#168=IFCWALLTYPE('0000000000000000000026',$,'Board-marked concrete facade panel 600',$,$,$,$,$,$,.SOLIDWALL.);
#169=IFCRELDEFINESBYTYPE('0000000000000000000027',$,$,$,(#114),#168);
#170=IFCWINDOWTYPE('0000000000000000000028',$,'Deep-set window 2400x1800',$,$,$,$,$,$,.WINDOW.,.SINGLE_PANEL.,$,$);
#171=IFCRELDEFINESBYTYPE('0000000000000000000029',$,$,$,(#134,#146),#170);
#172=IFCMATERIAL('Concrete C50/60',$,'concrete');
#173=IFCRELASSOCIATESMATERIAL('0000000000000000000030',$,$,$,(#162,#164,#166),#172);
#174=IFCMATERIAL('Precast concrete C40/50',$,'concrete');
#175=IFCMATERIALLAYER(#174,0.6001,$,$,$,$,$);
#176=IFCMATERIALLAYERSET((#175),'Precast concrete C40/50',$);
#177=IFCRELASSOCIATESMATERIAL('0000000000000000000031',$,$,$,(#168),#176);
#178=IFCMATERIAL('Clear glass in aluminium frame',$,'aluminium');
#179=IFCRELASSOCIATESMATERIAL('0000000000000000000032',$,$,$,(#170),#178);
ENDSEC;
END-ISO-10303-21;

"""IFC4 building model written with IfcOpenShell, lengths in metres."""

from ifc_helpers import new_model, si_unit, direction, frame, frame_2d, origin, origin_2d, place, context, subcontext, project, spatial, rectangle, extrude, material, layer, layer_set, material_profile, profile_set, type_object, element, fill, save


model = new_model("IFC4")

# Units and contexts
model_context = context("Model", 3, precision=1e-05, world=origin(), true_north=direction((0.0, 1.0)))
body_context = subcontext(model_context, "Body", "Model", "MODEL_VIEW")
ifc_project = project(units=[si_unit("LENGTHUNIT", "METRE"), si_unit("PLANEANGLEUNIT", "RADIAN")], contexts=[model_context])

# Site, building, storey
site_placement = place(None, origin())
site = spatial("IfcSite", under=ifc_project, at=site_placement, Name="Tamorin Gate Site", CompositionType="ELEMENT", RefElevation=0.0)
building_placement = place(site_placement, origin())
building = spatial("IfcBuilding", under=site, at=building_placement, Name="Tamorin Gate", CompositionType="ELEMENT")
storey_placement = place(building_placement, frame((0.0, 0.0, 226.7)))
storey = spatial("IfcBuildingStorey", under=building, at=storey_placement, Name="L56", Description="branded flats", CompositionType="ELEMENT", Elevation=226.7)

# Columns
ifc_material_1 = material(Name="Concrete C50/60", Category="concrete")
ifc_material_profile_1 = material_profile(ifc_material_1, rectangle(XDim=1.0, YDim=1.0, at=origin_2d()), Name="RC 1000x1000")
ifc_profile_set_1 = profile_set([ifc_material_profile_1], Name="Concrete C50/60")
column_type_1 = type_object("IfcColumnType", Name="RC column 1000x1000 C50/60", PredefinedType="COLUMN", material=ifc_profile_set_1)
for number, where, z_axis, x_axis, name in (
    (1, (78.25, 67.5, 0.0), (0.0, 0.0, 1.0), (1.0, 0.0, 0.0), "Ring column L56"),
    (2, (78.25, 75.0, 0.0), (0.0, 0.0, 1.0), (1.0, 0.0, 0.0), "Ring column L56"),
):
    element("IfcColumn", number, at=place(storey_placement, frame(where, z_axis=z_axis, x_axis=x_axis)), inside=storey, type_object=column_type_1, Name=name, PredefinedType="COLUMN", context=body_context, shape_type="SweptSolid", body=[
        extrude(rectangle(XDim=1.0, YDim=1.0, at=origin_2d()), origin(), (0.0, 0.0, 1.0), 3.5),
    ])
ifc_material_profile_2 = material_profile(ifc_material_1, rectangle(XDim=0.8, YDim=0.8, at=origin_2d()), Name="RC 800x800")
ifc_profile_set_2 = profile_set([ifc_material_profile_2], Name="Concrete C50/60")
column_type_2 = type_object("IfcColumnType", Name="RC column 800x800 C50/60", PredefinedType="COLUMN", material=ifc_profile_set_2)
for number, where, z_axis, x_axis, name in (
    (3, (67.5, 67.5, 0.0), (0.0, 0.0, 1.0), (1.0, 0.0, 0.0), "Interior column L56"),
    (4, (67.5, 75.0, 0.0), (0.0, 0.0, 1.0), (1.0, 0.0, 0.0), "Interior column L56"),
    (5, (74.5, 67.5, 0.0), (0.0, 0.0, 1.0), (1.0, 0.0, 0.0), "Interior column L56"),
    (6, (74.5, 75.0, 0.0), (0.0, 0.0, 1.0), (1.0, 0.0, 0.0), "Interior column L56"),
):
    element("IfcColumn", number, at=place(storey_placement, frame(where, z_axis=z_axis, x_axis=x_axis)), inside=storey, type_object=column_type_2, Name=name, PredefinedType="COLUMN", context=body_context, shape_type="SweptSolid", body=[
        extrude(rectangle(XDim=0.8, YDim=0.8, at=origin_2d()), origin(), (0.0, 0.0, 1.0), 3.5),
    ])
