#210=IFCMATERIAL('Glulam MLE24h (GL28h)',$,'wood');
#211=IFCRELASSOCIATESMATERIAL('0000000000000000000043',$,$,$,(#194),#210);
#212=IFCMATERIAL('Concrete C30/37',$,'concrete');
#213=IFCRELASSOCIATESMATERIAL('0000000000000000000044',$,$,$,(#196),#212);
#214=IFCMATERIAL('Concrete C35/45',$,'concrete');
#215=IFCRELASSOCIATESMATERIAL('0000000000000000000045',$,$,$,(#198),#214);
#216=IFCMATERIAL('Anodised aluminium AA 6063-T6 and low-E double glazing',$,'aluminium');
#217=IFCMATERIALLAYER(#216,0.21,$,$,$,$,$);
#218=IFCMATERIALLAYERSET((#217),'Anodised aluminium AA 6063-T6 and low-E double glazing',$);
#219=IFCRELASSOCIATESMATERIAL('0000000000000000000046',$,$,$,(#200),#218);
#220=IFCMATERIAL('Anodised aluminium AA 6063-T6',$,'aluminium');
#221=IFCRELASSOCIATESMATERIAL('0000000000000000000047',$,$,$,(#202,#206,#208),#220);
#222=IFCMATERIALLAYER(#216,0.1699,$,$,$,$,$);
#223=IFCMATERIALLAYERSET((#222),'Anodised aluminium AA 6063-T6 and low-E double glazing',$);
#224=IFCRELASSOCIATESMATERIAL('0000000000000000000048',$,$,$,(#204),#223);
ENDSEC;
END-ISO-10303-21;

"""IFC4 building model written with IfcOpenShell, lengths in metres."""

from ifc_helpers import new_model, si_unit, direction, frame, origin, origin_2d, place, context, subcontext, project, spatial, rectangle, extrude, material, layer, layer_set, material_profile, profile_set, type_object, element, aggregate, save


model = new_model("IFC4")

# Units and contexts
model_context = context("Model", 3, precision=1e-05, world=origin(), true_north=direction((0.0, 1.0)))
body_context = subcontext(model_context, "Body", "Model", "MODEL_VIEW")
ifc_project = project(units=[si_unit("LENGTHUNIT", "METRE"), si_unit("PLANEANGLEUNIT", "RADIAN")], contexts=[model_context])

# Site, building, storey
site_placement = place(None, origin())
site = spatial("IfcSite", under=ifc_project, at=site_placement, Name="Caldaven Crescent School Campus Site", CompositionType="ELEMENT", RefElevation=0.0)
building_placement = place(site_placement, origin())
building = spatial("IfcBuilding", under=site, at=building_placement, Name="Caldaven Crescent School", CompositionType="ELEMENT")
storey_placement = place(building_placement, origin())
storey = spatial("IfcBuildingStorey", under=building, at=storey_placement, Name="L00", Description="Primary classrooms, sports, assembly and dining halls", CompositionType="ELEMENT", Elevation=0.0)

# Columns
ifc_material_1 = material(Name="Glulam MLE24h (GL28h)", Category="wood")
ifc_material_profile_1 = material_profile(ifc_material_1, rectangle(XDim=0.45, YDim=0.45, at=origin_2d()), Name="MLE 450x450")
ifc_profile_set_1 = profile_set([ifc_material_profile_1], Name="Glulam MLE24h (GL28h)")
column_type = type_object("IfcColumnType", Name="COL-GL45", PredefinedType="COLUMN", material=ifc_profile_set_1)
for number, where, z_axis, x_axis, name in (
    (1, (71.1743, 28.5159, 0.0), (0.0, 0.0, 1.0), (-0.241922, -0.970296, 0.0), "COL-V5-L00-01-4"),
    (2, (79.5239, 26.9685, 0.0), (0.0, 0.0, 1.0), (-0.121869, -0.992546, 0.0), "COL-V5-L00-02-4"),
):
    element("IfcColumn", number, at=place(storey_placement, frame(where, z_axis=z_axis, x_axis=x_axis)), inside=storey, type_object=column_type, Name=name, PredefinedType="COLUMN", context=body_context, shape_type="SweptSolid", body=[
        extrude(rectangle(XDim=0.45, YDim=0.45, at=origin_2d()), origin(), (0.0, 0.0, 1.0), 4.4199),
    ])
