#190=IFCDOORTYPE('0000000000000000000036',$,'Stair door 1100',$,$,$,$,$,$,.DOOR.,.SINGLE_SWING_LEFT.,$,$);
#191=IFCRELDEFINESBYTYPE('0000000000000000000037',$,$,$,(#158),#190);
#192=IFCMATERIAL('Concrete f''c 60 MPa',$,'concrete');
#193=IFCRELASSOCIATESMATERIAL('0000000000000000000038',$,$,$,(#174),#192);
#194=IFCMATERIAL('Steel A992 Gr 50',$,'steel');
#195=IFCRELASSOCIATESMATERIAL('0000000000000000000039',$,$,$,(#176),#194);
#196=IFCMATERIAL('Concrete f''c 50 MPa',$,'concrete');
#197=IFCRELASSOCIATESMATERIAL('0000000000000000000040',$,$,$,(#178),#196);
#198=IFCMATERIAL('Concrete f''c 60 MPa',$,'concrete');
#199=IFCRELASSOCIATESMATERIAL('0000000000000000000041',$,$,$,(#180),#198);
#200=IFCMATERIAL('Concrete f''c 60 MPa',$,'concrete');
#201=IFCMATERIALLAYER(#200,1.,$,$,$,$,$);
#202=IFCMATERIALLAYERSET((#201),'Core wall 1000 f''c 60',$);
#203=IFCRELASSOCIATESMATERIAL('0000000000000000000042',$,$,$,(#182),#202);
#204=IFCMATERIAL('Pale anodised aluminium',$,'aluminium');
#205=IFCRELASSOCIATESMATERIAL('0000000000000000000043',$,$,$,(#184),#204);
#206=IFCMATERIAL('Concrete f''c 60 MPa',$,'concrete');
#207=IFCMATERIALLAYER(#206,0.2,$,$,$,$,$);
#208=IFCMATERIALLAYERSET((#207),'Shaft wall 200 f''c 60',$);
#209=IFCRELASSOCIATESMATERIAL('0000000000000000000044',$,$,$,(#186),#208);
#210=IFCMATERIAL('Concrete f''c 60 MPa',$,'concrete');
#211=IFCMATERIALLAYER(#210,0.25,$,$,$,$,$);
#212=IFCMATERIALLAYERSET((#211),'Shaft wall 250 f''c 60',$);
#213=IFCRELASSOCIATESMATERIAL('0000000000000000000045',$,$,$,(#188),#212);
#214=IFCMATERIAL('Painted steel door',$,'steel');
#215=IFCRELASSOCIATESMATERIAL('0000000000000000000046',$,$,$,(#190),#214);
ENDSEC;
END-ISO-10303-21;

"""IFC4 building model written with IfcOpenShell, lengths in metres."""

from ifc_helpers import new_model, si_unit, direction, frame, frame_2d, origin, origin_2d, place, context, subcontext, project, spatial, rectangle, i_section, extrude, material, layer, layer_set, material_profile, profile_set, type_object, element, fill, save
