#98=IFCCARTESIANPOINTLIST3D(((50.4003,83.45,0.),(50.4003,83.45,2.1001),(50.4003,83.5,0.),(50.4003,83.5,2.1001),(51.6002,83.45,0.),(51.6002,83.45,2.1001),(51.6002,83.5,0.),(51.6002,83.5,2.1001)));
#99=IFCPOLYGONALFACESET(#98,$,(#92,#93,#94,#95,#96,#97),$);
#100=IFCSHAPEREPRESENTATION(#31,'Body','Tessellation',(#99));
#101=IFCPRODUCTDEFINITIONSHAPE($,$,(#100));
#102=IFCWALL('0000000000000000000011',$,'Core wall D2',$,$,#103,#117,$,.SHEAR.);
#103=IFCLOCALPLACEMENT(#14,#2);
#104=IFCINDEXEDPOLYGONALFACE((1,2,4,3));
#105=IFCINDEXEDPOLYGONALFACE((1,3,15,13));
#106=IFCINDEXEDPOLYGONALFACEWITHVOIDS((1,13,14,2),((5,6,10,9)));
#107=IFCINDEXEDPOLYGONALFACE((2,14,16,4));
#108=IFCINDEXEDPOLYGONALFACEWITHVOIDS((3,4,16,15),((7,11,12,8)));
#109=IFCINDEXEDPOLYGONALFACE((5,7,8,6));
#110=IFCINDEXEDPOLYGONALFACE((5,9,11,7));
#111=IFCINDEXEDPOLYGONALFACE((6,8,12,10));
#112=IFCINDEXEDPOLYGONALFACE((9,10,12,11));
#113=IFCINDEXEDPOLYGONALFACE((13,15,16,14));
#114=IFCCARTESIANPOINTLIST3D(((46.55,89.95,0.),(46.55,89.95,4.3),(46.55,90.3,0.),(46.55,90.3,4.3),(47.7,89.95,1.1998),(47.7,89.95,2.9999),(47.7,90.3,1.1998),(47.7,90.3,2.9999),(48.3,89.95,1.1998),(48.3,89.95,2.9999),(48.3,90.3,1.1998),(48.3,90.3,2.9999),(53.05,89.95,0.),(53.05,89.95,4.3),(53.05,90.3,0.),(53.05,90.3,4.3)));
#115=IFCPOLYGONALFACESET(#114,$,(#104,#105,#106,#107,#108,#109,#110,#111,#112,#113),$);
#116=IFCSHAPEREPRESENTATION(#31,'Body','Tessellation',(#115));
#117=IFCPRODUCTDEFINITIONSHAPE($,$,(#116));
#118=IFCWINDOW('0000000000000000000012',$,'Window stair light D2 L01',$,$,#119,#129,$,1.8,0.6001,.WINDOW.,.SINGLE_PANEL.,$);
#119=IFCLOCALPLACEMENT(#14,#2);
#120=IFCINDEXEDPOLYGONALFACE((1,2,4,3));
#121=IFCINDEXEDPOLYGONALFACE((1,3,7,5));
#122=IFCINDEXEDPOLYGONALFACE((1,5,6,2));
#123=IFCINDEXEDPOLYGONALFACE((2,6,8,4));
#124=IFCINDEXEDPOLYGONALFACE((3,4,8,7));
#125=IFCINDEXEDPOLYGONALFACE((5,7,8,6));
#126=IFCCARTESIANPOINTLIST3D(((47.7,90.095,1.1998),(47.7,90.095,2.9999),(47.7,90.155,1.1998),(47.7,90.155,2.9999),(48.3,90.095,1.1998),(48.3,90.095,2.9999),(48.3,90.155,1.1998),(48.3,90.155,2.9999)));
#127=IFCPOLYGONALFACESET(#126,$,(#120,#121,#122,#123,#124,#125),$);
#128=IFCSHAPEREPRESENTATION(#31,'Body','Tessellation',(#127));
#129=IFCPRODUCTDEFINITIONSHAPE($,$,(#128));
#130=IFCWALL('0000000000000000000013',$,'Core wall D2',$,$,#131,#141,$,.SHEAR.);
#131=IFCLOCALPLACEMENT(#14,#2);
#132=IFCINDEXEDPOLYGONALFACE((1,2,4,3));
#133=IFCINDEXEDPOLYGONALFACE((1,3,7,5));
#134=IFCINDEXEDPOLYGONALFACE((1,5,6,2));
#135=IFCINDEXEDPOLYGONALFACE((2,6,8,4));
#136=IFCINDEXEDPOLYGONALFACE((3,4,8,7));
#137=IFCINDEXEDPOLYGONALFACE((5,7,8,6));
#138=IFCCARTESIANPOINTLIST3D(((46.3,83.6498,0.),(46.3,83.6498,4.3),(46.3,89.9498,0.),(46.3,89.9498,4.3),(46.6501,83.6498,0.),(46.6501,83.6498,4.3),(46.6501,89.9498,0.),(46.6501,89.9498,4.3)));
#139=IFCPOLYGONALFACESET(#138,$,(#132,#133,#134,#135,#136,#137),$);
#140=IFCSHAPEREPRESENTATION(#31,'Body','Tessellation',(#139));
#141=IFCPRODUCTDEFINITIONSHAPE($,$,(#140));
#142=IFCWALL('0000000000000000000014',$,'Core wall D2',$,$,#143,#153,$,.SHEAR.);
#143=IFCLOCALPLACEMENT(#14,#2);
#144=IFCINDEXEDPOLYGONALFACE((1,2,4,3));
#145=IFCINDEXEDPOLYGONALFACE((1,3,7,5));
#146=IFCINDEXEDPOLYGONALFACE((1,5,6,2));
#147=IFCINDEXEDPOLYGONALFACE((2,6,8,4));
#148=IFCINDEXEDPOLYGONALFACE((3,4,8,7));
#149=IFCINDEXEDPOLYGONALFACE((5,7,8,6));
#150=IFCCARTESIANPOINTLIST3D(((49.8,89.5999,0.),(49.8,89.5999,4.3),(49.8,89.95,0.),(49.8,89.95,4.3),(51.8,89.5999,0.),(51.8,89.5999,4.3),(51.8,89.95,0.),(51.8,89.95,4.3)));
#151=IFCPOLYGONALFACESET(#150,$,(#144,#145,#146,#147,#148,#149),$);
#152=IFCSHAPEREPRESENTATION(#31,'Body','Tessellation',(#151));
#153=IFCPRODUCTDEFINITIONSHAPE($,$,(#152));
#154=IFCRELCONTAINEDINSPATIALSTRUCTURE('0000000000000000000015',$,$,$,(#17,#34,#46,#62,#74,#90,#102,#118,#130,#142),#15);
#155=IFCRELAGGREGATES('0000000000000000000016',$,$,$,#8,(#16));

# About this exercise
Your answer is the line containing "#136=IFCINDEXEDPOLYGONALFACE((3,4,8,7));" plus every line after it through the end of the entries, given again exactly and alone.

# Written response
#136=IFCINDEXEDPOLYGONALFACE((3,4,8,7));
#137=IFCINDEXEDPOLYGONALFACE((5,7,8,6));
#138=IFCCARTESIANPOINTLIST3D(((46.3,83.6498,0.),(46.3,83.6498,4.3),(46.3,89.9498,0.),(46.3,89.9498,4.3),(46.6501,83.6498,0.),(46.6501,83.6498,4.3),(46.6501,89.9498,0.),(46.6501,89.9498,4.3)));
#139=IFCPOLYGONALFACESET(#138,$,(#132,#133,#134,#135,#136,#137),$);
#140=IFCSHAPEREPRESENTATION(#31,'Body','Tessellation',(#139));
#141=IFCPRODUCTDEFINITIONSHAPE($,$,(#140));
#142=IFCWALL('0000000000000000000014',$,'Core wall D2',$,$,#143,#153,$,.SHEAR.);
#143=IFCLOCALPLACEMENT(#14,#2);
#144=IFCINDEXEDPOLYGONALFACE((1,2,4,3));
#145=IFCINDEXEDPOLYGONALFACE((1,3,7,5));
#146=IFCINDEXEDPOLYGONALFACE((1,5,6,2));
#147=IFCINDEXEDPOLYGONALFACE((2,6,8,4));
#148=IFCINDEXEDPOLYGONALFACE((3,4,8,7));
#149=IFCINDEXEDPOLYGONALFACE((5,7,8,6));
#150=IFCCARTESIANPOINTLIST3D(((49.8,89.5999,0.),(49.8,89.5999,4.3),(49.8,89.95,0.),(49.8,89.95,4.3),(51.8,89.5999,0.),(51.8,89.5999,4.3),(51.8,89.95,0.),(51.8,89.95,4.3)));
#151=IFCPOLYGONALFACESET(#150,$,(#144,#145,#146,#147,#148,#149),$);
#152=IFCSHAPEREPRESENTATION(#31,'Body','Tessellation',(#151));
#153=IFCPRODUCTDEFINITIONSHAPE($,$,(#152));
#154=IFCRELCONTAINEDINSPATIALSTRUCTURE('0000000000000000000015',$,$,$,(#17,#34,#46,#62,#74,#90,#102,#118,#130,#142),#15);
#155=IFCRELAGGREGATES('0000000000000000000016',$,$,$,#8,(#16));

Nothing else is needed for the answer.